What this task involves:
Within the listing, each line that has the string "Calvorn" should be copied.

Records for processing:
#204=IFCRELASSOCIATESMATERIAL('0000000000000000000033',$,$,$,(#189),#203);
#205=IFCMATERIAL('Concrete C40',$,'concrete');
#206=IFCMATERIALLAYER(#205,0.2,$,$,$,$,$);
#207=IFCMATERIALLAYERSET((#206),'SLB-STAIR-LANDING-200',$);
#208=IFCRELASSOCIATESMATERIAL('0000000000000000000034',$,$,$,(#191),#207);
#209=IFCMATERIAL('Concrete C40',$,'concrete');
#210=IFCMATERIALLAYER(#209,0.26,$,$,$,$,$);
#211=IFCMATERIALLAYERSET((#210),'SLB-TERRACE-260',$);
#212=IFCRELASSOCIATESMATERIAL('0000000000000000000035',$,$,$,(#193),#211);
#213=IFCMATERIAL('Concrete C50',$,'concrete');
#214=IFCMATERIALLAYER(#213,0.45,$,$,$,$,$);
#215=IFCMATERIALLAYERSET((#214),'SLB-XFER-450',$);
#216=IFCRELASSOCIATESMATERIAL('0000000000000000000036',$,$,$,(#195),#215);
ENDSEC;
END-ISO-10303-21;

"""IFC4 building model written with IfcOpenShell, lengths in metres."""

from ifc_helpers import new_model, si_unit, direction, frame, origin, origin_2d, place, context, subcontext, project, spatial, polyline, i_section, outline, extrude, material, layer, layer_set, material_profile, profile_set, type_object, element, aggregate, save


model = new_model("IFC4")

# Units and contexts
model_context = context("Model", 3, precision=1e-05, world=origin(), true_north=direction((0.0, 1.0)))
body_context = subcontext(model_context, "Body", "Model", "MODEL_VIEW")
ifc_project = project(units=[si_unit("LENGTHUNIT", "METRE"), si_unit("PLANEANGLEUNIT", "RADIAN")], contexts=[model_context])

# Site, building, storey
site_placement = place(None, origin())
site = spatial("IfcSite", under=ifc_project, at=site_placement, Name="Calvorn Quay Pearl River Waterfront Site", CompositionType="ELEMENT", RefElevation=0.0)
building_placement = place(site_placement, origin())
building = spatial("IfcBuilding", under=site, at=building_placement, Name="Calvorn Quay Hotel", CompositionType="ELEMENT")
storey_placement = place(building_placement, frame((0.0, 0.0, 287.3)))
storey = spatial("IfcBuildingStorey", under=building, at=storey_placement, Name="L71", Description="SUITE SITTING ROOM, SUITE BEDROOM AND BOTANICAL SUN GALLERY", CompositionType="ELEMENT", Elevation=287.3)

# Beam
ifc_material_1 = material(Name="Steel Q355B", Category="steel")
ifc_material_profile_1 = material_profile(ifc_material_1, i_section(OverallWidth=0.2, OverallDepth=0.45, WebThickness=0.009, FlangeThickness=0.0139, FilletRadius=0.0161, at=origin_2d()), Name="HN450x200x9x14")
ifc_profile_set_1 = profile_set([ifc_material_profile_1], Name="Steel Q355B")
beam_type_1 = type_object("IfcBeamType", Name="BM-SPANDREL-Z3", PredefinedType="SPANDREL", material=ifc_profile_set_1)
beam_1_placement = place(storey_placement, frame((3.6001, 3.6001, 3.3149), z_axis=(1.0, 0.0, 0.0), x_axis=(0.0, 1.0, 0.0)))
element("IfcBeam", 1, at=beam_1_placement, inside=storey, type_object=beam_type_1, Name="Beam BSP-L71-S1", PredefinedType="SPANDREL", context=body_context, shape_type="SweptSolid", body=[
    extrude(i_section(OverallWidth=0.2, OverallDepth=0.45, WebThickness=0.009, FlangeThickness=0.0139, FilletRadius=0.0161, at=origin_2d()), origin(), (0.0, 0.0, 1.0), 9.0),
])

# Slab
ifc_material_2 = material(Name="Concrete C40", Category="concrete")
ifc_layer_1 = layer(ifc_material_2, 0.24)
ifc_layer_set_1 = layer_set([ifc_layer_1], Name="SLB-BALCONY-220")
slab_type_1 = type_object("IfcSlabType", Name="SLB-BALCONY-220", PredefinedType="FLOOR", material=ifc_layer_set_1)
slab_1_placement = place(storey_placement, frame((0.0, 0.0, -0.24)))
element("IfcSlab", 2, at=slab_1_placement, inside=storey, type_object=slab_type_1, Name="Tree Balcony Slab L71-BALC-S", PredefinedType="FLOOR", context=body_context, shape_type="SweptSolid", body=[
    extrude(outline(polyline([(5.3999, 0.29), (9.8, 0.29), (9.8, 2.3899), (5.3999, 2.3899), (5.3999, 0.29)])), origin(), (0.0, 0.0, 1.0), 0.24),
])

Result:
site = spatial("IfcSite", under=ifc_project, at=site_placement, Name="Calvorn Quay Pearl River Waterfront Site", CompositionType="ELEMENT", RefElevation=0.0)
building = spatial("IfcBuilding", under=site, at=building_placement, Name="Calvorn Quay Hotel", CompositionType="ELEMENT")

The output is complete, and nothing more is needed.